Items from a data source:
○ ○ ○ ○ ○ ○ ○

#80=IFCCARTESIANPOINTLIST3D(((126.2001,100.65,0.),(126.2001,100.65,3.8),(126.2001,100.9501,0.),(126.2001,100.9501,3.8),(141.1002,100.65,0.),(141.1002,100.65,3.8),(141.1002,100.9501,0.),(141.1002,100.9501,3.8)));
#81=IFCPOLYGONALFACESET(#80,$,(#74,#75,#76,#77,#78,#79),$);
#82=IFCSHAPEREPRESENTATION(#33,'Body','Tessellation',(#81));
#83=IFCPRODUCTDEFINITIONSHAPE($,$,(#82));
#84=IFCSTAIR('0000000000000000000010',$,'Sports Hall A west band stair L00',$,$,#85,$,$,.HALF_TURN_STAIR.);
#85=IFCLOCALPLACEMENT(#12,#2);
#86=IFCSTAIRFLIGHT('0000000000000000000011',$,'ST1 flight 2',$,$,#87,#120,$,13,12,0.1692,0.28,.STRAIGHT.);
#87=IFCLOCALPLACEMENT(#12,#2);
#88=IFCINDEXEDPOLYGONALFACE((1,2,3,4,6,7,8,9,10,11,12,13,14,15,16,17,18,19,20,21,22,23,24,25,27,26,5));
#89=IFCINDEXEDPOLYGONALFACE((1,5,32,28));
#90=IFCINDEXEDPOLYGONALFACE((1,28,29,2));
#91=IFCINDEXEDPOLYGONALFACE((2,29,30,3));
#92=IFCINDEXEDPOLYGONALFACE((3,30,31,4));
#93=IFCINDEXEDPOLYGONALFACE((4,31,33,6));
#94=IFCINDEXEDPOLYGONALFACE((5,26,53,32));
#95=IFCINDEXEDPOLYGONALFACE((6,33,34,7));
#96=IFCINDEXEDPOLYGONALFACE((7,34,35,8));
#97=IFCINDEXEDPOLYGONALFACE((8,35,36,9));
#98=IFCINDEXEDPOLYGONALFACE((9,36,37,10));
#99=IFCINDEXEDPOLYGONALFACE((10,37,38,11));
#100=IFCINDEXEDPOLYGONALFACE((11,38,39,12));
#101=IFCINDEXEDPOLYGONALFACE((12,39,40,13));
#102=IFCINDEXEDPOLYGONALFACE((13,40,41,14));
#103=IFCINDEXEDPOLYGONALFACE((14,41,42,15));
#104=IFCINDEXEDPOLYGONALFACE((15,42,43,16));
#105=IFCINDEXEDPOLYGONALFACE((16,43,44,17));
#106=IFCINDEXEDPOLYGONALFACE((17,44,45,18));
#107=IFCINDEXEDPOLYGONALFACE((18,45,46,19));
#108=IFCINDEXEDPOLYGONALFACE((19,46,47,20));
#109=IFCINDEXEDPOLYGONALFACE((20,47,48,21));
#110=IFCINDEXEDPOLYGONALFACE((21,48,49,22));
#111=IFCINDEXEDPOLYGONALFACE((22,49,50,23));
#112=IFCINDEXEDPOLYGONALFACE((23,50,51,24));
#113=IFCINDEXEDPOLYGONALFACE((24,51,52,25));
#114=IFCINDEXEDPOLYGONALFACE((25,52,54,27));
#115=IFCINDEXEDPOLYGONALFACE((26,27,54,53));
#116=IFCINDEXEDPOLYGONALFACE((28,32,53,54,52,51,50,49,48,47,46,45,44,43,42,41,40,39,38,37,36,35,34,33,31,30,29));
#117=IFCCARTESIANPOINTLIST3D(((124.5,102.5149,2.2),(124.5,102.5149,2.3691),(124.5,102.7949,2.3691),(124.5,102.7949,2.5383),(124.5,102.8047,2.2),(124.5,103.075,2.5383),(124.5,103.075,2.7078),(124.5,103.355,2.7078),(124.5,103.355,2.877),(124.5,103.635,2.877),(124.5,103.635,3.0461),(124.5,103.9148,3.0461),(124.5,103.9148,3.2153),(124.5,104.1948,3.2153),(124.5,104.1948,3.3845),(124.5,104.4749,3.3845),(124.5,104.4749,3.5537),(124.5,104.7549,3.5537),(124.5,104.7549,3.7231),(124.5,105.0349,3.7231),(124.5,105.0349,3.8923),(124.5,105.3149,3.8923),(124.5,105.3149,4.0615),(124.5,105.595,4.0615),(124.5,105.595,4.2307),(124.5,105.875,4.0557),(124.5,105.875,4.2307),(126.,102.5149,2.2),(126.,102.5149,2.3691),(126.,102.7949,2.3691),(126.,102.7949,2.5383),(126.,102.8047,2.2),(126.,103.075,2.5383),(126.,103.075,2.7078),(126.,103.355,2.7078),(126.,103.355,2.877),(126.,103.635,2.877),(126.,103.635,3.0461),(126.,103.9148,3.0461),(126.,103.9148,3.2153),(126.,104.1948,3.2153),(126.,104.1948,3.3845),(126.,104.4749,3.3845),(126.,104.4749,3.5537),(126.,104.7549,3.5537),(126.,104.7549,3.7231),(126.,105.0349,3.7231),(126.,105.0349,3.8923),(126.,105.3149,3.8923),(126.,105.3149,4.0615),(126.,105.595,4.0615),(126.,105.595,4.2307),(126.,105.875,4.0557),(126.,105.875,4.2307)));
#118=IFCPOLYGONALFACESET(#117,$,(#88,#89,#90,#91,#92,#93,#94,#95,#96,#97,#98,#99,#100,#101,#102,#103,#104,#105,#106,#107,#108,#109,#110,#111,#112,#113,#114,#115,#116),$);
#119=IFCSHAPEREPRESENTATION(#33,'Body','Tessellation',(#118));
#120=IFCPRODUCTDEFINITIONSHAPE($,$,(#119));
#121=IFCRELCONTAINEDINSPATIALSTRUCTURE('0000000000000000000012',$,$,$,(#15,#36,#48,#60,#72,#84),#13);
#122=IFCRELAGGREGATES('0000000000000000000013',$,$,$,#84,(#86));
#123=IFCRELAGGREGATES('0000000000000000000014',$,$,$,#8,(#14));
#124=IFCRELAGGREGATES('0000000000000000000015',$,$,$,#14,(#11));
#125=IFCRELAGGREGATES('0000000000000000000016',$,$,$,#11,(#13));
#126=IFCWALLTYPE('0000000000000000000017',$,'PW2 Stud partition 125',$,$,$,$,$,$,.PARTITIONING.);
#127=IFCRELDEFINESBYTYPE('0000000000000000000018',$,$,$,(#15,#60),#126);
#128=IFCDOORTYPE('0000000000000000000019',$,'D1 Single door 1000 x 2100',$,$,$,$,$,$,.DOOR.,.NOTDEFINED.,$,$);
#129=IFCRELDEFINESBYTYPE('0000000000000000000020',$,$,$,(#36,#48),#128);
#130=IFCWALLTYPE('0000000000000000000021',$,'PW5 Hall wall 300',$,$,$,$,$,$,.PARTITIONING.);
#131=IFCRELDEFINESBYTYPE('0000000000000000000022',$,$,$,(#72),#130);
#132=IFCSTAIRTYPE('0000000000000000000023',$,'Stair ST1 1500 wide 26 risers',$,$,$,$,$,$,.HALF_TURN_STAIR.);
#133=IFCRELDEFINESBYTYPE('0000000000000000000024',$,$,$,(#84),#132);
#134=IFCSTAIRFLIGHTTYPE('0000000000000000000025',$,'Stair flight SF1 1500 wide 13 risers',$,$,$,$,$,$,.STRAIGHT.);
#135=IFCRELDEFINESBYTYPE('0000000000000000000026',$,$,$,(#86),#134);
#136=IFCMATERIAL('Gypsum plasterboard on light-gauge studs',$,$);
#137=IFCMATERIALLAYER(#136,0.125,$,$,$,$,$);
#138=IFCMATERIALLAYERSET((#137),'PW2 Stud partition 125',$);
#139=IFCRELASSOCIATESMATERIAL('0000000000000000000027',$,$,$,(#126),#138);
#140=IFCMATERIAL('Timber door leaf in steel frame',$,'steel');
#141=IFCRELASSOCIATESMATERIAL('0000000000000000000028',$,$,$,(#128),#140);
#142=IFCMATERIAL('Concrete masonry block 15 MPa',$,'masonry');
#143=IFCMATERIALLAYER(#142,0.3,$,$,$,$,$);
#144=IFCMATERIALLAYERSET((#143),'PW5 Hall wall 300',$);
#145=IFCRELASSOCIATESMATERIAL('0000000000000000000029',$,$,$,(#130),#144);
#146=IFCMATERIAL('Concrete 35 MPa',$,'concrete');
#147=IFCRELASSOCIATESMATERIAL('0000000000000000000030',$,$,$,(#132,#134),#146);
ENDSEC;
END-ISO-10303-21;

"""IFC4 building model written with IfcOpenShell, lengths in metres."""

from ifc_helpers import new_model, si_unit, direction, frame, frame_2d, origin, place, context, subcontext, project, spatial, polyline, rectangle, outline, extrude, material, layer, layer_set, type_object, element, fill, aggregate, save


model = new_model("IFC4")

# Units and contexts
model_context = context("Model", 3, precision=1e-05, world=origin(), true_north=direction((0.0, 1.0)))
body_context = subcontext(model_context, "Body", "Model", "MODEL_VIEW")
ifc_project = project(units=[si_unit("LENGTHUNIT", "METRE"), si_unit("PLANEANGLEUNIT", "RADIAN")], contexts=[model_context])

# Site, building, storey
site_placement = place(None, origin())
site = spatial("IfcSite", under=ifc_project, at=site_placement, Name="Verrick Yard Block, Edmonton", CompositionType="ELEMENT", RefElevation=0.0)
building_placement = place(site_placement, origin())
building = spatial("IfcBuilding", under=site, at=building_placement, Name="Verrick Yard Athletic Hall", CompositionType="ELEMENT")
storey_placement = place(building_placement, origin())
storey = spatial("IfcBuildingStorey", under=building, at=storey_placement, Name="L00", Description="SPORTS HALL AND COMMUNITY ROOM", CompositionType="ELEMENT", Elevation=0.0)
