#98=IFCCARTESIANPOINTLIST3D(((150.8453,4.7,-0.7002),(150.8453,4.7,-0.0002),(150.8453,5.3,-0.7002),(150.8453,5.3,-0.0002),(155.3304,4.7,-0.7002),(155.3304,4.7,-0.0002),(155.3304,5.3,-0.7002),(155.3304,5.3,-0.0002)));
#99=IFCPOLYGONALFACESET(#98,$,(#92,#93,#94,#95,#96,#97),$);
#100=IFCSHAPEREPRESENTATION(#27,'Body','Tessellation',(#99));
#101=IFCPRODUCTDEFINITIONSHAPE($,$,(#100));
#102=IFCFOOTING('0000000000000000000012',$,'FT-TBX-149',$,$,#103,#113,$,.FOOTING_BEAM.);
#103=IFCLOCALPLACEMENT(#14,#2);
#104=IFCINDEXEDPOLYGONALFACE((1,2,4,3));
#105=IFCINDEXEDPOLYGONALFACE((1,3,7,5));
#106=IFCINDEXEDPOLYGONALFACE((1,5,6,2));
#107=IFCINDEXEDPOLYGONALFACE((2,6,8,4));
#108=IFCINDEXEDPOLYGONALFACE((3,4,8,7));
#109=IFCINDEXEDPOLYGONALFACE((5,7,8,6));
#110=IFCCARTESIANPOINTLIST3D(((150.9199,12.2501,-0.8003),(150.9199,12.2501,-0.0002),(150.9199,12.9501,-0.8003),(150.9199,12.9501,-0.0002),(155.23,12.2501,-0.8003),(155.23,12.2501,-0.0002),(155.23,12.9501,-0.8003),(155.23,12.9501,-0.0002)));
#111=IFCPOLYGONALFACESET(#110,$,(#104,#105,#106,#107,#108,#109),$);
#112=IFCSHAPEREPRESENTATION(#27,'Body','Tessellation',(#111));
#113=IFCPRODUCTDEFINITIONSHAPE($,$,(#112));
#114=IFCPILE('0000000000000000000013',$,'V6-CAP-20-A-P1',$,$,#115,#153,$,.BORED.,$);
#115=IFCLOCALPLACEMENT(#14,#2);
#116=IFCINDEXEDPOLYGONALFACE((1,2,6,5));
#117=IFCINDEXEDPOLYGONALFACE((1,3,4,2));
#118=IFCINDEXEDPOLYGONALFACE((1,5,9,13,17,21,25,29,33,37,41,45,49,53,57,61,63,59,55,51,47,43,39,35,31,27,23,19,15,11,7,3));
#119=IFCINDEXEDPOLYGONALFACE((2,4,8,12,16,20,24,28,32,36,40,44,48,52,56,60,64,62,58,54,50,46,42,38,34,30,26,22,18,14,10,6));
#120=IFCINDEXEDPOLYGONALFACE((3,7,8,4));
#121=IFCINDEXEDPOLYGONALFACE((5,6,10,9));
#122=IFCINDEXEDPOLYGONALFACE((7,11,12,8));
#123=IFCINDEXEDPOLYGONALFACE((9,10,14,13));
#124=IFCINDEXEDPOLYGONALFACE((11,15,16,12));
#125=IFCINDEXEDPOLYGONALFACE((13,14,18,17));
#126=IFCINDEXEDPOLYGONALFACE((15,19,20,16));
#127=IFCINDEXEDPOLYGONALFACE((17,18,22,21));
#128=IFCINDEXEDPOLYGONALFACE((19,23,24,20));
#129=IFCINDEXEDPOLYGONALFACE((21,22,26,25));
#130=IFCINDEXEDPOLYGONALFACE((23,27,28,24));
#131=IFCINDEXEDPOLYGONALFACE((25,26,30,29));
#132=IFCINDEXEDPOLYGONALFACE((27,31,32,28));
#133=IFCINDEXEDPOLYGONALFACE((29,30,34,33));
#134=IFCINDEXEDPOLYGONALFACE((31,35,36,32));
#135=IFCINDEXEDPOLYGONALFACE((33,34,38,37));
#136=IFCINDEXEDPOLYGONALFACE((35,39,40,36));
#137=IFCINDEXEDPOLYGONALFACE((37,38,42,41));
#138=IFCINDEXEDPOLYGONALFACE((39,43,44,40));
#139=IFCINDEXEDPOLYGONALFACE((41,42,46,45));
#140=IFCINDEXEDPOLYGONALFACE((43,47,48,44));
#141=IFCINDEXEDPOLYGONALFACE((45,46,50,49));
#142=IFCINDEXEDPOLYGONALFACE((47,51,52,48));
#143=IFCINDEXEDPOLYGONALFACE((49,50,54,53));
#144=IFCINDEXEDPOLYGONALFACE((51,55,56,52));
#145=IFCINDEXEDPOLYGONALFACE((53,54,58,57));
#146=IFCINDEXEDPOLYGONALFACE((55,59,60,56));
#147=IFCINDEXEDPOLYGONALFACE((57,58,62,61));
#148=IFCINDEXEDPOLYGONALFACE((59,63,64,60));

○ ○ ○ ○ ○ ○ ○

* **TASK**: The expected output is each line of the records above that includes the word "IFCRELASSOCIATESMATERIAL".

* **RESPONSE TO THE EXERCISE**:
#139=IFCRELASSOCIATESMATERIAL('0000000000000000000027',$,$,$,(#126),#138);
#141=IFCRELASSOCIATESMATERIAL('0000000000000000000028',$,$,$,(#128),#140);
#145=IFCRELASSOCIATESMATERIAL('0000000000000000000029',$,$,$,(#130),#144);
#147=IFCRELASSOCIATESMATERIAL('0000000000000000000030',$,$,$,(#132,#134),#146);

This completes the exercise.